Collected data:
* * * * * * *
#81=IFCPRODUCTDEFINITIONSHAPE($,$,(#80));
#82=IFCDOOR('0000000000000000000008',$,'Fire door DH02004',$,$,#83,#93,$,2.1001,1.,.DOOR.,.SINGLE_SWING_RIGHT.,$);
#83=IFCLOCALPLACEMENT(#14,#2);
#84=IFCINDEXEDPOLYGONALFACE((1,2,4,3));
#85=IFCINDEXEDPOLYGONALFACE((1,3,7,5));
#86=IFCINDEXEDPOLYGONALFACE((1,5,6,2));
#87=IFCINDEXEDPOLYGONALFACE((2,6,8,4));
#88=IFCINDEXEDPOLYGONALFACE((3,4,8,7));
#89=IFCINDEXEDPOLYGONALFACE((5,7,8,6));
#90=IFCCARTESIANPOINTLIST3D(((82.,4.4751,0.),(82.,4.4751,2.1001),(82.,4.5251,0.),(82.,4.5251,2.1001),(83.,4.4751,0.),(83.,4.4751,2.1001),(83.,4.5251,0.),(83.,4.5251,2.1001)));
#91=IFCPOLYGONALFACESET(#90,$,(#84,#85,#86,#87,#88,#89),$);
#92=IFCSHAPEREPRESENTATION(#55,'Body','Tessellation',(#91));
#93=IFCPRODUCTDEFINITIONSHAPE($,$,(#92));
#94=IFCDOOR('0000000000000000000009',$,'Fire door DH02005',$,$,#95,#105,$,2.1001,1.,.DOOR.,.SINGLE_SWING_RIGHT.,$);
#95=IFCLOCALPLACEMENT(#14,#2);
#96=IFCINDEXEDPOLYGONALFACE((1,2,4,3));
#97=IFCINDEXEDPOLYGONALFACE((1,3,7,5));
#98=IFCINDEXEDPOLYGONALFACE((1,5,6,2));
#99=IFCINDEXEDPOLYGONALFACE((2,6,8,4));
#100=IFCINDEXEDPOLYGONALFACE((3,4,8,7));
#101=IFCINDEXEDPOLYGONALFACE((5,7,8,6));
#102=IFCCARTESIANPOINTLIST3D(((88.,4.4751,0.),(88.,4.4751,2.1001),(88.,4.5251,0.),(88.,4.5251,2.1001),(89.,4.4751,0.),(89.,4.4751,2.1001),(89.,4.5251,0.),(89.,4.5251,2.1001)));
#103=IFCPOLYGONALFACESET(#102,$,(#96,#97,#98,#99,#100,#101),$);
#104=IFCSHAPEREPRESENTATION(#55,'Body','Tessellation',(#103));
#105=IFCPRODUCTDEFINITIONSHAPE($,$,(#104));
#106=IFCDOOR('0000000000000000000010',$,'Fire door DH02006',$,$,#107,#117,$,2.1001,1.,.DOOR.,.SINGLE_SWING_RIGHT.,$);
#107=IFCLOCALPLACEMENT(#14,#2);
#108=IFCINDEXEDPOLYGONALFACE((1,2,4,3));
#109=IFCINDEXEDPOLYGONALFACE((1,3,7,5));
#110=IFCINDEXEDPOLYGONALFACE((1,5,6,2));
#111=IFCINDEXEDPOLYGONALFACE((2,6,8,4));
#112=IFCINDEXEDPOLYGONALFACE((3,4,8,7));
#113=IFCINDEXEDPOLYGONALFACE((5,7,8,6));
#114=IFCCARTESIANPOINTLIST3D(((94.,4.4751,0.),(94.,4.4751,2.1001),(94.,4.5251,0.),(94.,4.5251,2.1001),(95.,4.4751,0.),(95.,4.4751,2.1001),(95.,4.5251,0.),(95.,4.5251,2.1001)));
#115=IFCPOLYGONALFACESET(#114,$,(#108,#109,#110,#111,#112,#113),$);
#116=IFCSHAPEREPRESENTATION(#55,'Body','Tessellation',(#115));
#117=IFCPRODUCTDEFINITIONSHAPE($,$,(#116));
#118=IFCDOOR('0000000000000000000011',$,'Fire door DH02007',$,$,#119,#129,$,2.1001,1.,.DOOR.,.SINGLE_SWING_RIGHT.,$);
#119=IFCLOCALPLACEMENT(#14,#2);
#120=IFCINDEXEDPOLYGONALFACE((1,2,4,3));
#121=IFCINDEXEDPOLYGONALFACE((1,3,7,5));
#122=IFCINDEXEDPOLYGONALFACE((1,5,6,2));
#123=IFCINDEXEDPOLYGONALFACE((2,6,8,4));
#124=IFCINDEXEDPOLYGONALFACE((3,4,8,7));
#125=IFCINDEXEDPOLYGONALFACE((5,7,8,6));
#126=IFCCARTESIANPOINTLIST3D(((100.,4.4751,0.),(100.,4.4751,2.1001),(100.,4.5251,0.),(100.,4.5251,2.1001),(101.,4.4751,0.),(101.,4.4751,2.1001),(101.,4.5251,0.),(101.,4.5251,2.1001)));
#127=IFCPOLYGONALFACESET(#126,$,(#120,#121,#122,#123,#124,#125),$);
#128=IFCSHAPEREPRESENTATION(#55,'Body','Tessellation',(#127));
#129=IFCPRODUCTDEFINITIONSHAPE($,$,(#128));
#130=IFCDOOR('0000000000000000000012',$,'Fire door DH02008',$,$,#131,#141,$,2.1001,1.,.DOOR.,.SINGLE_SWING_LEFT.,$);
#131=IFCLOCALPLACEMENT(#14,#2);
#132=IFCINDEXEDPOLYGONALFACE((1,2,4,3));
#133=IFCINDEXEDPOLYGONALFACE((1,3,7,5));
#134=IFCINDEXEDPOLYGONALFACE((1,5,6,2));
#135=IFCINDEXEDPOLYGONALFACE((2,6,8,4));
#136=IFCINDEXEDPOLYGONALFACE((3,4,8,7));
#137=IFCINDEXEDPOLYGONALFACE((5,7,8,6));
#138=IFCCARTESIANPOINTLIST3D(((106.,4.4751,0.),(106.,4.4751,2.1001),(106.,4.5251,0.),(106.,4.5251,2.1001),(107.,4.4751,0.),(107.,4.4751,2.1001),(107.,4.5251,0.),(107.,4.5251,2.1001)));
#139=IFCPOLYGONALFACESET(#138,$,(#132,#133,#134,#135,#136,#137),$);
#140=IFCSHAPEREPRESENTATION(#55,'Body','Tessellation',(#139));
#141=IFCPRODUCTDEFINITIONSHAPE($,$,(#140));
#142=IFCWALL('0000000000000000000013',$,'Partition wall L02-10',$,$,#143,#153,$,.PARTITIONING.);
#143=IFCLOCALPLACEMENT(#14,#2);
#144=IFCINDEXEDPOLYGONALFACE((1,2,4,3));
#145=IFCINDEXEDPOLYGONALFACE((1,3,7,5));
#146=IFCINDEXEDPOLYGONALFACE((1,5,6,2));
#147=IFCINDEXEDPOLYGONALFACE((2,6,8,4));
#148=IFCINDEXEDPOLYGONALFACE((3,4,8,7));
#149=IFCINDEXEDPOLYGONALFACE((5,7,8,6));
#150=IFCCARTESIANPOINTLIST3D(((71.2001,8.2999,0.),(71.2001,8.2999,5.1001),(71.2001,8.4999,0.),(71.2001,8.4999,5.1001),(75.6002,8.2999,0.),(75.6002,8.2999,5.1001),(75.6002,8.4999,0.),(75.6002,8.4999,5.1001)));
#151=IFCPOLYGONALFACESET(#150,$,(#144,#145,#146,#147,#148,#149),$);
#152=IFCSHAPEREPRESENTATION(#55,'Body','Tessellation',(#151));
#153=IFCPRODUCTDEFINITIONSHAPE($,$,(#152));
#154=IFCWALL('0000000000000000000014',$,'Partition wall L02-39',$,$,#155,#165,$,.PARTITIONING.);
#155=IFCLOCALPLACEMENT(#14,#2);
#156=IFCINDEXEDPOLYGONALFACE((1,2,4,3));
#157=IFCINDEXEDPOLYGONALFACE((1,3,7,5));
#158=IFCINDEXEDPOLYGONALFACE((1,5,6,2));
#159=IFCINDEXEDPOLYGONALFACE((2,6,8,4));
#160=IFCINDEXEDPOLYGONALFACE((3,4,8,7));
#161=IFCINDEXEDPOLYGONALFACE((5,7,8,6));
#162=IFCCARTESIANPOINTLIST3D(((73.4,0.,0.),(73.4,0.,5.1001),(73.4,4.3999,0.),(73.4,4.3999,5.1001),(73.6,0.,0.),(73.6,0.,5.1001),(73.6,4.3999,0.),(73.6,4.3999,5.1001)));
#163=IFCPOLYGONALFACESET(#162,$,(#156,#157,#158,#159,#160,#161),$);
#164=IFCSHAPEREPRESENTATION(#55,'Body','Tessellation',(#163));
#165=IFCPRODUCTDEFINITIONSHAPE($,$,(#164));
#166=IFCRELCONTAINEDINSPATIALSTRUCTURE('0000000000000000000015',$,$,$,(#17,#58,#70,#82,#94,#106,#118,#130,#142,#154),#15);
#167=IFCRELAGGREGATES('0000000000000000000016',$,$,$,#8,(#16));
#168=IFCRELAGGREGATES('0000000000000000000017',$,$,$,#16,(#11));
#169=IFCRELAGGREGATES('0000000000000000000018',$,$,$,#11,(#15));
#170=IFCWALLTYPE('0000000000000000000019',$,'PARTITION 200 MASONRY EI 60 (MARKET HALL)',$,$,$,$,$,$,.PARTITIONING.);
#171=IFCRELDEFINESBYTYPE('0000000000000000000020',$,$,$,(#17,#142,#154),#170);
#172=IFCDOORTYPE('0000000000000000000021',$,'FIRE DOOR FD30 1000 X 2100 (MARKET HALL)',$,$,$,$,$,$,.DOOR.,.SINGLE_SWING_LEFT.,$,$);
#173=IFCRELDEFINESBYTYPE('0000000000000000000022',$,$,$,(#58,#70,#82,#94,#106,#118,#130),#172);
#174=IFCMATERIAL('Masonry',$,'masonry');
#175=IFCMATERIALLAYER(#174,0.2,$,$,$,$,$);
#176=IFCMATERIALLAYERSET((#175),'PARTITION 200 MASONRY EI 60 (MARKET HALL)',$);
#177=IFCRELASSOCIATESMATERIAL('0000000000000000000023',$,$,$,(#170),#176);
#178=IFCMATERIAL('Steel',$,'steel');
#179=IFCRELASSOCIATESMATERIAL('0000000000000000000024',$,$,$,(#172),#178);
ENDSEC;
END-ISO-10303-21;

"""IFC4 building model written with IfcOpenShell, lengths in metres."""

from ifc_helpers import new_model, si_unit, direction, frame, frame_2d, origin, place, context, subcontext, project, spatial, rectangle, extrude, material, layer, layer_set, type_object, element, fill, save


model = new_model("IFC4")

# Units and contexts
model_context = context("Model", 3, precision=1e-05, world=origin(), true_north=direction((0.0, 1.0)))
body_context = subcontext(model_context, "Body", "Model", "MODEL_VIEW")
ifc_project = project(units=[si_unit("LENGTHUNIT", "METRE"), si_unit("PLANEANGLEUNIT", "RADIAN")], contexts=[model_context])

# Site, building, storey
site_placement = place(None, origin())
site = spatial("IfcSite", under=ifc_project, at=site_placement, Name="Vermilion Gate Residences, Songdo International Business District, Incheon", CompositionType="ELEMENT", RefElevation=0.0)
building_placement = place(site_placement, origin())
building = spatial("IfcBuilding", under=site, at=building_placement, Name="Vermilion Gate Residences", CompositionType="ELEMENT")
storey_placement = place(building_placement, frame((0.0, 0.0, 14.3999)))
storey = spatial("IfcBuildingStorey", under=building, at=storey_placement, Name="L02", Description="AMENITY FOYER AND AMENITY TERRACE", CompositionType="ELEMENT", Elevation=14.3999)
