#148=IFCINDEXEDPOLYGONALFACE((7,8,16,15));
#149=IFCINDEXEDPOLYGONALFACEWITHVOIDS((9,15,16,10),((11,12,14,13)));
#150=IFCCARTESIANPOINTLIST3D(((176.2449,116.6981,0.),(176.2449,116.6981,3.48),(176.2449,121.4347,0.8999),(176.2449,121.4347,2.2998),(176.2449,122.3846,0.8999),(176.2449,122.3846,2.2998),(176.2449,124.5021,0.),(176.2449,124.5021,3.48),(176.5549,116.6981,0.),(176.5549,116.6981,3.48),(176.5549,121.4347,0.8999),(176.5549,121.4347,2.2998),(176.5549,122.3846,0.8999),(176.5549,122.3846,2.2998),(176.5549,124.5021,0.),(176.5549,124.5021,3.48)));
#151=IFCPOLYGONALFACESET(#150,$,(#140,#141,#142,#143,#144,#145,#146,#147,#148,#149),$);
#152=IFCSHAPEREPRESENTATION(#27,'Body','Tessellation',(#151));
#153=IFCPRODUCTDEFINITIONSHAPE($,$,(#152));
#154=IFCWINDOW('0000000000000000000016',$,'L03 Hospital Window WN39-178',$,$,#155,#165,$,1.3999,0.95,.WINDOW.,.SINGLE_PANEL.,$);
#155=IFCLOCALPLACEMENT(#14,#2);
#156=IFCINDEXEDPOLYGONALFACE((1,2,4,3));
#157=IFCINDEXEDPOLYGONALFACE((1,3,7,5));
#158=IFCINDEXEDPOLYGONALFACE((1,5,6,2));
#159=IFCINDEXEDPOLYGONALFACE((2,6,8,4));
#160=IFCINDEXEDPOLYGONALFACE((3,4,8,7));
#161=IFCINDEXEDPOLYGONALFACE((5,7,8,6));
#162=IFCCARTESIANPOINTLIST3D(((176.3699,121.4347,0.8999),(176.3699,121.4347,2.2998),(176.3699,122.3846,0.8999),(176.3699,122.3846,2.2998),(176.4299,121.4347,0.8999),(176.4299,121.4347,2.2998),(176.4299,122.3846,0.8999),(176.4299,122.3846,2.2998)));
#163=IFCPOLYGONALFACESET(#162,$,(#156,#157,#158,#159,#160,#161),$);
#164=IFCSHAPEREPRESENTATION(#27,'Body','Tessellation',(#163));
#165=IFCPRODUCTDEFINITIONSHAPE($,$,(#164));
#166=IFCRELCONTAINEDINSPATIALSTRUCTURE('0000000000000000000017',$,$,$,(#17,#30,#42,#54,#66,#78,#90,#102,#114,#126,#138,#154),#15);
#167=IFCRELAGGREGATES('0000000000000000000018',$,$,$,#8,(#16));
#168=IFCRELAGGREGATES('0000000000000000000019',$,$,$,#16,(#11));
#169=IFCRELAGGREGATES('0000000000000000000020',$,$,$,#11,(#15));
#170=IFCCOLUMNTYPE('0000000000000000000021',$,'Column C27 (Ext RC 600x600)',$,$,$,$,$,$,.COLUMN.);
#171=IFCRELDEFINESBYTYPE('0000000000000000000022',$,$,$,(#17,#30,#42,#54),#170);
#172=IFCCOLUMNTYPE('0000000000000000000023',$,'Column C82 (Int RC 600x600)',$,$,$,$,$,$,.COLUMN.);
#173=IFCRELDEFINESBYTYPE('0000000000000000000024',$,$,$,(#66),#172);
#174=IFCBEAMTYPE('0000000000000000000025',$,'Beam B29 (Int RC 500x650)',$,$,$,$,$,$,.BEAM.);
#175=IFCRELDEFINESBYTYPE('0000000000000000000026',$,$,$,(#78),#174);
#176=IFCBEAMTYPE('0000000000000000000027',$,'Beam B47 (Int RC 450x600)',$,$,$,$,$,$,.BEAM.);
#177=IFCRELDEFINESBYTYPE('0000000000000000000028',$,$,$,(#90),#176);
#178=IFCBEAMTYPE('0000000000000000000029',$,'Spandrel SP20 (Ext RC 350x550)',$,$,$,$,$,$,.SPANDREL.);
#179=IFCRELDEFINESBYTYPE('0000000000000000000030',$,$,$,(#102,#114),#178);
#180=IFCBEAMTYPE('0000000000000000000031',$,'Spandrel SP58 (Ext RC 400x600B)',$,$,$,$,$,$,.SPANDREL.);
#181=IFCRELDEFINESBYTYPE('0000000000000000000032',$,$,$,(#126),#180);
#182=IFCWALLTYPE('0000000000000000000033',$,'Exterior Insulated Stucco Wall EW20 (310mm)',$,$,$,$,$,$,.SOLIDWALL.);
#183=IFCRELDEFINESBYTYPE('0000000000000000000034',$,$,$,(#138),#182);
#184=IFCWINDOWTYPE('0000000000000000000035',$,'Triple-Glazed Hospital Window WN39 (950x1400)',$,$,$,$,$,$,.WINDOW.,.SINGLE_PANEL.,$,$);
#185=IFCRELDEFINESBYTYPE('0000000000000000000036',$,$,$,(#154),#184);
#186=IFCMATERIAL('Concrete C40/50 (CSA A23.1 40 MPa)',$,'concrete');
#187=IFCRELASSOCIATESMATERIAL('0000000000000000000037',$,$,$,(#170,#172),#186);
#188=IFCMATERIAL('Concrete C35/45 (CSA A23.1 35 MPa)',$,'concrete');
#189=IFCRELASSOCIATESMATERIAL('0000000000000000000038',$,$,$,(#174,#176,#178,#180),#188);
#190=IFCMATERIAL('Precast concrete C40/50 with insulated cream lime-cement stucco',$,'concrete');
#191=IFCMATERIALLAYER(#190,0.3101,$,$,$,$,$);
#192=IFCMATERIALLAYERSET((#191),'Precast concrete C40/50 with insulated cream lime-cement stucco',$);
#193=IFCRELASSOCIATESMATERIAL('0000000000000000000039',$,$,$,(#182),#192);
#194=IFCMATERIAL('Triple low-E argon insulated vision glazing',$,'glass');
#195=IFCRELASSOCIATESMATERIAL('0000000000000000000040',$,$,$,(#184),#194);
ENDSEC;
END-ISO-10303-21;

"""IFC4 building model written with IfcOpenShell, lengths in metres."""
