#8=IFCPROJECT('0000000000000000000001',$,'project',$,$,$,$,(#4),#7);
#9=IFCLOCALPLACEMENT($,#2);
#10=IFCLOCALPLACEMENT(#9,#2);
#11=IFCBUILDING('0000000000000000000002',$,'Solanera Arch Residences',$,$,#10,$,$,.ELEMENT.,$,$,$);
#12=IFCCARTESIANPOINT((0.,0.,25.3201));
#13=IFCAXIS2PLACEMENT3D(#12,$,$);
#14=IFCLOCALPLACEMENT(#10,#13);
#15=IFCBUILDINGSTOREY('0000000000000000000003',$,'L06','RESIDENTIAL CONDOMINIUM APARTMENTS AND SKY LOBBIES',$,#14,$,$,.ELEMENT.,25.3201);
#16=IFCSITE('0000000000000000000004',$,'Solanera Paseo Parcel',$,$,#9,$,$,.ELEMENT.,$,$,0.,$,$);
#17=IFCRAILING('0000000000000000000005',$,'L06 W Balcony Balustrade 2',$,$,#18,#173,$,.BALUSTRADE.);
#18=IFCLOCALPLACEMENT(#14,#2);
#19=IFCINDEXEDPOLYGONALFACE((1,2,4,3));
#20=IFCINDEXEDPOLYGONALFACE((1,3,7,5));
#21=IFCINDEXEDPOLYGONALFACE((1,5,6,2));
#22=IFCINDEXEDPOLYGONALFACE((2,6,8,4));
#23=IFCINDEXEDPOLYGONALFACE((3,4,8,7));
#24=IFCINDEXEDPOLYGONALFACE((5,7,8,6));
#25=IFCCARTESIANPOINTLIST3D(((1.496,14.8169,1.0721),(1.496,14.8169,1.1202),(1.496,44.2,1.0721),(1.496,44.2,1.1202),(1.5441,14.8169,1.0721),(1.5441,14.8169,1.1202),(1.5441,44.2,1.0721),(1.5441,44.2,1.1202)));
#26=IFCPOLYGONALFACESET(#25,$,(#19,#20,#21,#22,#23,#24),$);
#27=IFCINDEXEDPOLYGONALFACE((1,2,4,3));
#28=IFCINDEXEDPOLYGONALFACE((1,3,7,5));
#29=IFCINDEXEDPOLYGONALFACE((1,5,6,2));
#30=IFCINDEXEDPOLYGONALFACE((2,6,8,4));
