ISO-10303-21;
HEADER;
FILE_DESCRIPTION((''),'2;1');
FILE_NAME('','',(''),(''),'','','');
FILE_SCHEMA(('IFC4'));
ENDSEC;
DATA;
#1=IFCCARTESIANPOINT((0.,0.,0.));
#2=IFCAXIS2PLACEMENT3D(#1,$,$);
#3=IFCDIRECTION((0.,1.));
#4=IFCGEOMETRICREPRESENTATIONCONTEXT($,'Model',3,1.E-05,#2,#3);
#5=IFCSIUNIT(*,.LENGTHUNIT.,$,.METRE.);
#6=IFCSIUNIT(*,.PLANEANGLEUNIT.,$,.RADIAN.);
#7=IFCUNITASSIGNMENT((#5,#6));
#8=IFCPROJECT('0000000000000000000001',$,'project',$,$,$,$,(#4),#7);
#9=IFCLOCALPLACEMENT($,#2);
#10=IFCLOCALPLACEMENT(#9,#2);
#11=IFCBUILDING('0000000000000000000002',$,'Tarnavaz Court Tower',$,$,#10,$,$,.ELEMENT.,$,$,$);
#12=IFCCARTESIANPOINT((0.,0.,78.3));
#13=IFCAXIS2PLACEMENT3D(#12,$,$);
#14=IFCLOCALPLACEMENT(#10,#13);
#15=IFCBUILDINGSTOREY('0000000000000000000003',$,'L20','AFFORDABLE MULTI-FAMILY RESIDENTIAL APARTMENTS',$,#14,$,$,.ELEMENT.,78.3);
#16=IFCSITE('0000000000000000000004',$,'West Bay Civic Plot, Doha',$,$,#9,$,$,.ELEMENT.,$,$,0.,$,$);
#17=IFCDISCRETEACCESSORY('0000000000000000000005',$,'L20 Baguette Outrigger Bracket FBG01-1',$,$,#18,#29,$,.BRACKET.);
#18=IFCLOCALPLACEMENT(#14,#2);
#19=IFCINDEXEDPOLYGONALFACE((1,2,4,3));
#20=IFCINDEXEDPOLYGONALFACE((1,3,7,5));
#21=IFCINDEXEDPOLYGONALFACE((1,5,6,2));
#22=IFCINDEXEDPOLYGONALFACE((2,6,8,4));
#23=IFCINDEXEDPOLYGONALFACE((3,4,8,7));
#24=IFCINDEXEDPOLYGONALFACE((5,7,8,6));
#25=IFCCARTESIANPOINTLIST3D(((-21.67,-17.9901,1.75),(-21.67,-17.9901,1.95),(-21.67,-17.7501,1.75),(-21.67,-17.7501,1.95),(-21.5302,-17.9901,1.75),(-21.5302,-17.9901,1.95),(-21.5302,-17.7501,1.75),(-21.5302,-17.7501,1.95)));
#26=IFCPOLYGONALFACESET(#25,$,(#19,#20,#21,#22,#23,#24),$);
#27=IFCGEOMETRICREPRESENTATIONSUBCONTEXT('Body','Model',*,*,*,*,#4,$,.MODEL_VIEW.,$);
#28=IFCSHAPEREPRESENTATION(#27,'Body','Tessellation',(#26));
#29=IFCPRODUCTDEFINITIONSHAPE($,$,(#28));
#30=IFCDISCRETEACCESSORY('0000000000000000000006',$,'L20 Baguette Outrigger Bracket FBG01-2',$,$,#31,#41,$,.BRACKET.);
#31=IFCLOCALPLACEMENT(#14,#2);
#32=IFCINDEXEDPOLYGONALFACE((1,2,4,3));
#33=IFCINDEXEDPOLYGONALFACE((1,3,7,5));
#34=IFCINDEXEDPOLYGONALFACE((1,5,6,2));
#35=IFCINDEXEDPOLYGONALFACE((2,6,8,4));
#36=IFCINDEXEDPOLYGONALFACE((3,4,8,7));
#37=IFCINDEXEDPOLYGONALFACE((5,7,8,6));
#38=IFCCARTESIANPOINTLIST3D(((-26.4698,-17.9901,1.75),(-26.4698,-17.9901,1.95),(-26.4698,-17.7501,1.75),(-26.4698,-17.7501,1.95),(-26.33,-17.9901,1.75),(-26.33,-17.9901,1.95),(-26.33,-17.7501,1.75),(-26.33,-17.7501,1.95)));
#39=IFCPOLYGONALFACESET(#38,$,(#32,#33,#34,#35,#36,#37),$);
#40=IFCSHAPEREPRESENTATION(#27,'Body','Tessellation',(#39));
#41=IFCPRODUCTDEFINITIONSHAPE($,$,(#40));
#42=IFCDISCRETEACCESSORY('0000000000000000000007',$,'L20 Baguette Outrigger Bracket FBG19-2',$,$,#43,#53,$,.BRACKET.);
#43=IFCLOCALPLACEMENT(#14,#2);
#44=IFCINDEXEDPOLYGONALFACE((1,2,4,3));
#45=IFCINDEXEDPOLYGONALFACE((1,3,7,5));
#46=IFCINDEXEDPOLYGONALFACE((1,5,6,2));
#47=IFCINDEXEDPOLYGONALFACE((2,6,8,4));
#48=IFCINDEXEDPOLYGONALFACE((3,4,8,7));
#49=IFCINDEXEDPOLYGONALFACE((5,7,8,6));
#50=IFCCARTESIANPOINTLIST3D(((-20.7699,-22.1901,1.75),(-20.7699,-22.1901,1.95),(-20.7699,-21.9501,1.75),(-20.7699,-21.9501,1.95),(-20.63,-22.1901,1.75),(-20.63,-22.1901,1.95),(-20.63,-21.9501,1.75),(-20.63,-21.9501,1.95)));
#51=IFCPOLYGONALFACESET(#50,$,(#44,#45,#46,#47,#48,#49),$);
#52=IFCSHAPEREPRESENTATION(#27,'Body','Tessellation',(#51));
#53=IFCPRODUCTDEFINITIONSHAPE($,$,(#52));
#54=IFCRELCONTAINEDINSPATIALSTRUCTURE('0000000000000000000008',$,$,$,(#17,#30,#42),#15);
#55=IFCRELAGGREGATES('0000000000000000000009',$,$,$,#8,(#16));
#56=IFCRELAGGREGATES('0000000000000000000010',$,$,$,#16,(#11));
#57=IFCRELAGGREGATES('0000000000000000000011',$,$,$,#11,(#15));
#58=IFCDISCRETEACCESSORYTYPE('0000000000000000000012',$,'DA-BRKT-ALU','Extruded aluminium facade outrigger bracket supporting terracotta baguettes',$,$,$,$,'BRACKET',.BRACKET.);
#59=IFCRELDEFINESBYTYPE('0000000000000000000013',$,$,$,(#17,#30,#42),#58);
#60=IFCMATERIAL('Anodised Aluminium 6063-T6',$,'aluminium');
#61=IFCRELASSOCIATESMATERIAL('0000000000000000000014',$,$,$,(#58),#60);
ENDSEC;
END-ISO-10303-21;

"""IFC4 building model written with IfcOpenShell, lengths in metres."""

from ifc_helpers import new_model, si_unit, direction, frame, origin, origin_2d, place, context, subcontext, project, spatial, rectangle, extrude, material, type_object, element, save


model = new_model("IFC4")

# Units and contexts
model_context = context("Model", 3, precision=1e-05, world=origin(), true_north=direction((0.0, 1.0)))
body_context = subcontext(model_context, "Body", "Model", "MODEL_VIEW")
ifc_project = project(units=[si_unit("LENGTHUNIT", "METRE"), si_unit("PLANEANGLEUNIT", "RADIAN")], contexts=[model_context])

# Site, building, storey
site_placement = place(None, origin())
site = spatial("IfcSite", under=ifc_project, at=site_placement, Name="West Bay Civic Plot, Doha", CompositionType="ELEMENT", RefElevation=0.0)
building_placement = place(site_placement, origin())
building = spatial("IfcBuilding", under=site, at=building_placement, Name="Tarnavaz Court Tower", CompositionType="ELEMENT")
storey_placement = place(building_placement, frame((0.0, 0.0, 78.3)))
storey = spatial("IfcBuildingStorey", under=building, at=storey_placement, Name="L20", Description="AFFORDABLE MULTI-FAMILY RESIDENTIAL APARTMENTS", CompositionType="ELEMENT", Elevation=78.3)

# Discrete accessories
ifc_material_1 = material(Name="Anodised Aluminium 6063-T6", Category="aluminium")
discrete_accessory_type = type_object("IfcDiscreteAccessoryType", Name="DA-BRKT-ALU", Description="Extruded aluminium facade outrigger bracket supporting terracotta baguettes", ElementType="BRACKET", PredefinedType="BRACKET", material=ifc_material_1)
for number, where, z_axis, x_axis, name in (
    (1, (-21.6001, -17.8701, 1.75), (0.0, 0.0, 1.0), (-1.0, 0.0, 0.0), "L20 Baguette Outrigger Bracket FBG01-1"),
    (2, (-26.3999, -17.8701, 1.75), (0.0, 0.0, 1.0), (-1.0, 0.0, 0.0), "L20 Baguette Outrigger Bracket FBG01-2"),
    (3, (-20.7, -22.0701, 1.75), (0.0, 0.0, 1.0), (-1.0, 0.0, 0.0), "L20 Baguette Outrigger Bracket FBG19-2"),
):
    element("IfcDiscreteAccessory", number, at=place(storey_placement, frame(where, z_axis=z_axis, x_axis=x_axis)), inside=storey, type_object=discrete_accessory_type, Name=name, PredefinedType="BRACKET", context=body_context, shape_type="SweptSolid", body=[
        extrude(rectangle(XDim=0.1399, YDim=0.24, at=origin_2d()), origin(), (0.0, 0.0, 1.0), 0.2),
    ])

save(model, "model.ifc")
* * * * * * *
PROBLEM DETAILS:
Please transcribe the records exactly from their first line through the line holding "#88=IFCINDEXEDPOLYGONALFACE((3,4,8,7));", and leave out all others.

EXERCISE ANSWER:
#81=IFCPRODUCTDEFINITIONSHAPE($,$,(#80));
#82=IFCDOOR('0000000000000000000008',$,'Fire door DH02004',$,$,#83,#93,$,2.1001,1.,.DOOR.,.SINGLE_SWING_RIGHT.,$);
#83=IFCLOCALPLACEMENT(#14,#2);
#84=IFCINDEXEDPOLYGONALFACE((1,2,4,3));
#85=IFCINDEXEDPOLYGONALFACE((1,3,7,5));
#86=IFCINDEXEDPOLYGONALFACE((1,5,6,2));
#87=IFCINDEXEDPOLYGONALFACE((2,6,8,4));
#88=IFCINDEXEDPOLYGONALFACE((3,4,8,7));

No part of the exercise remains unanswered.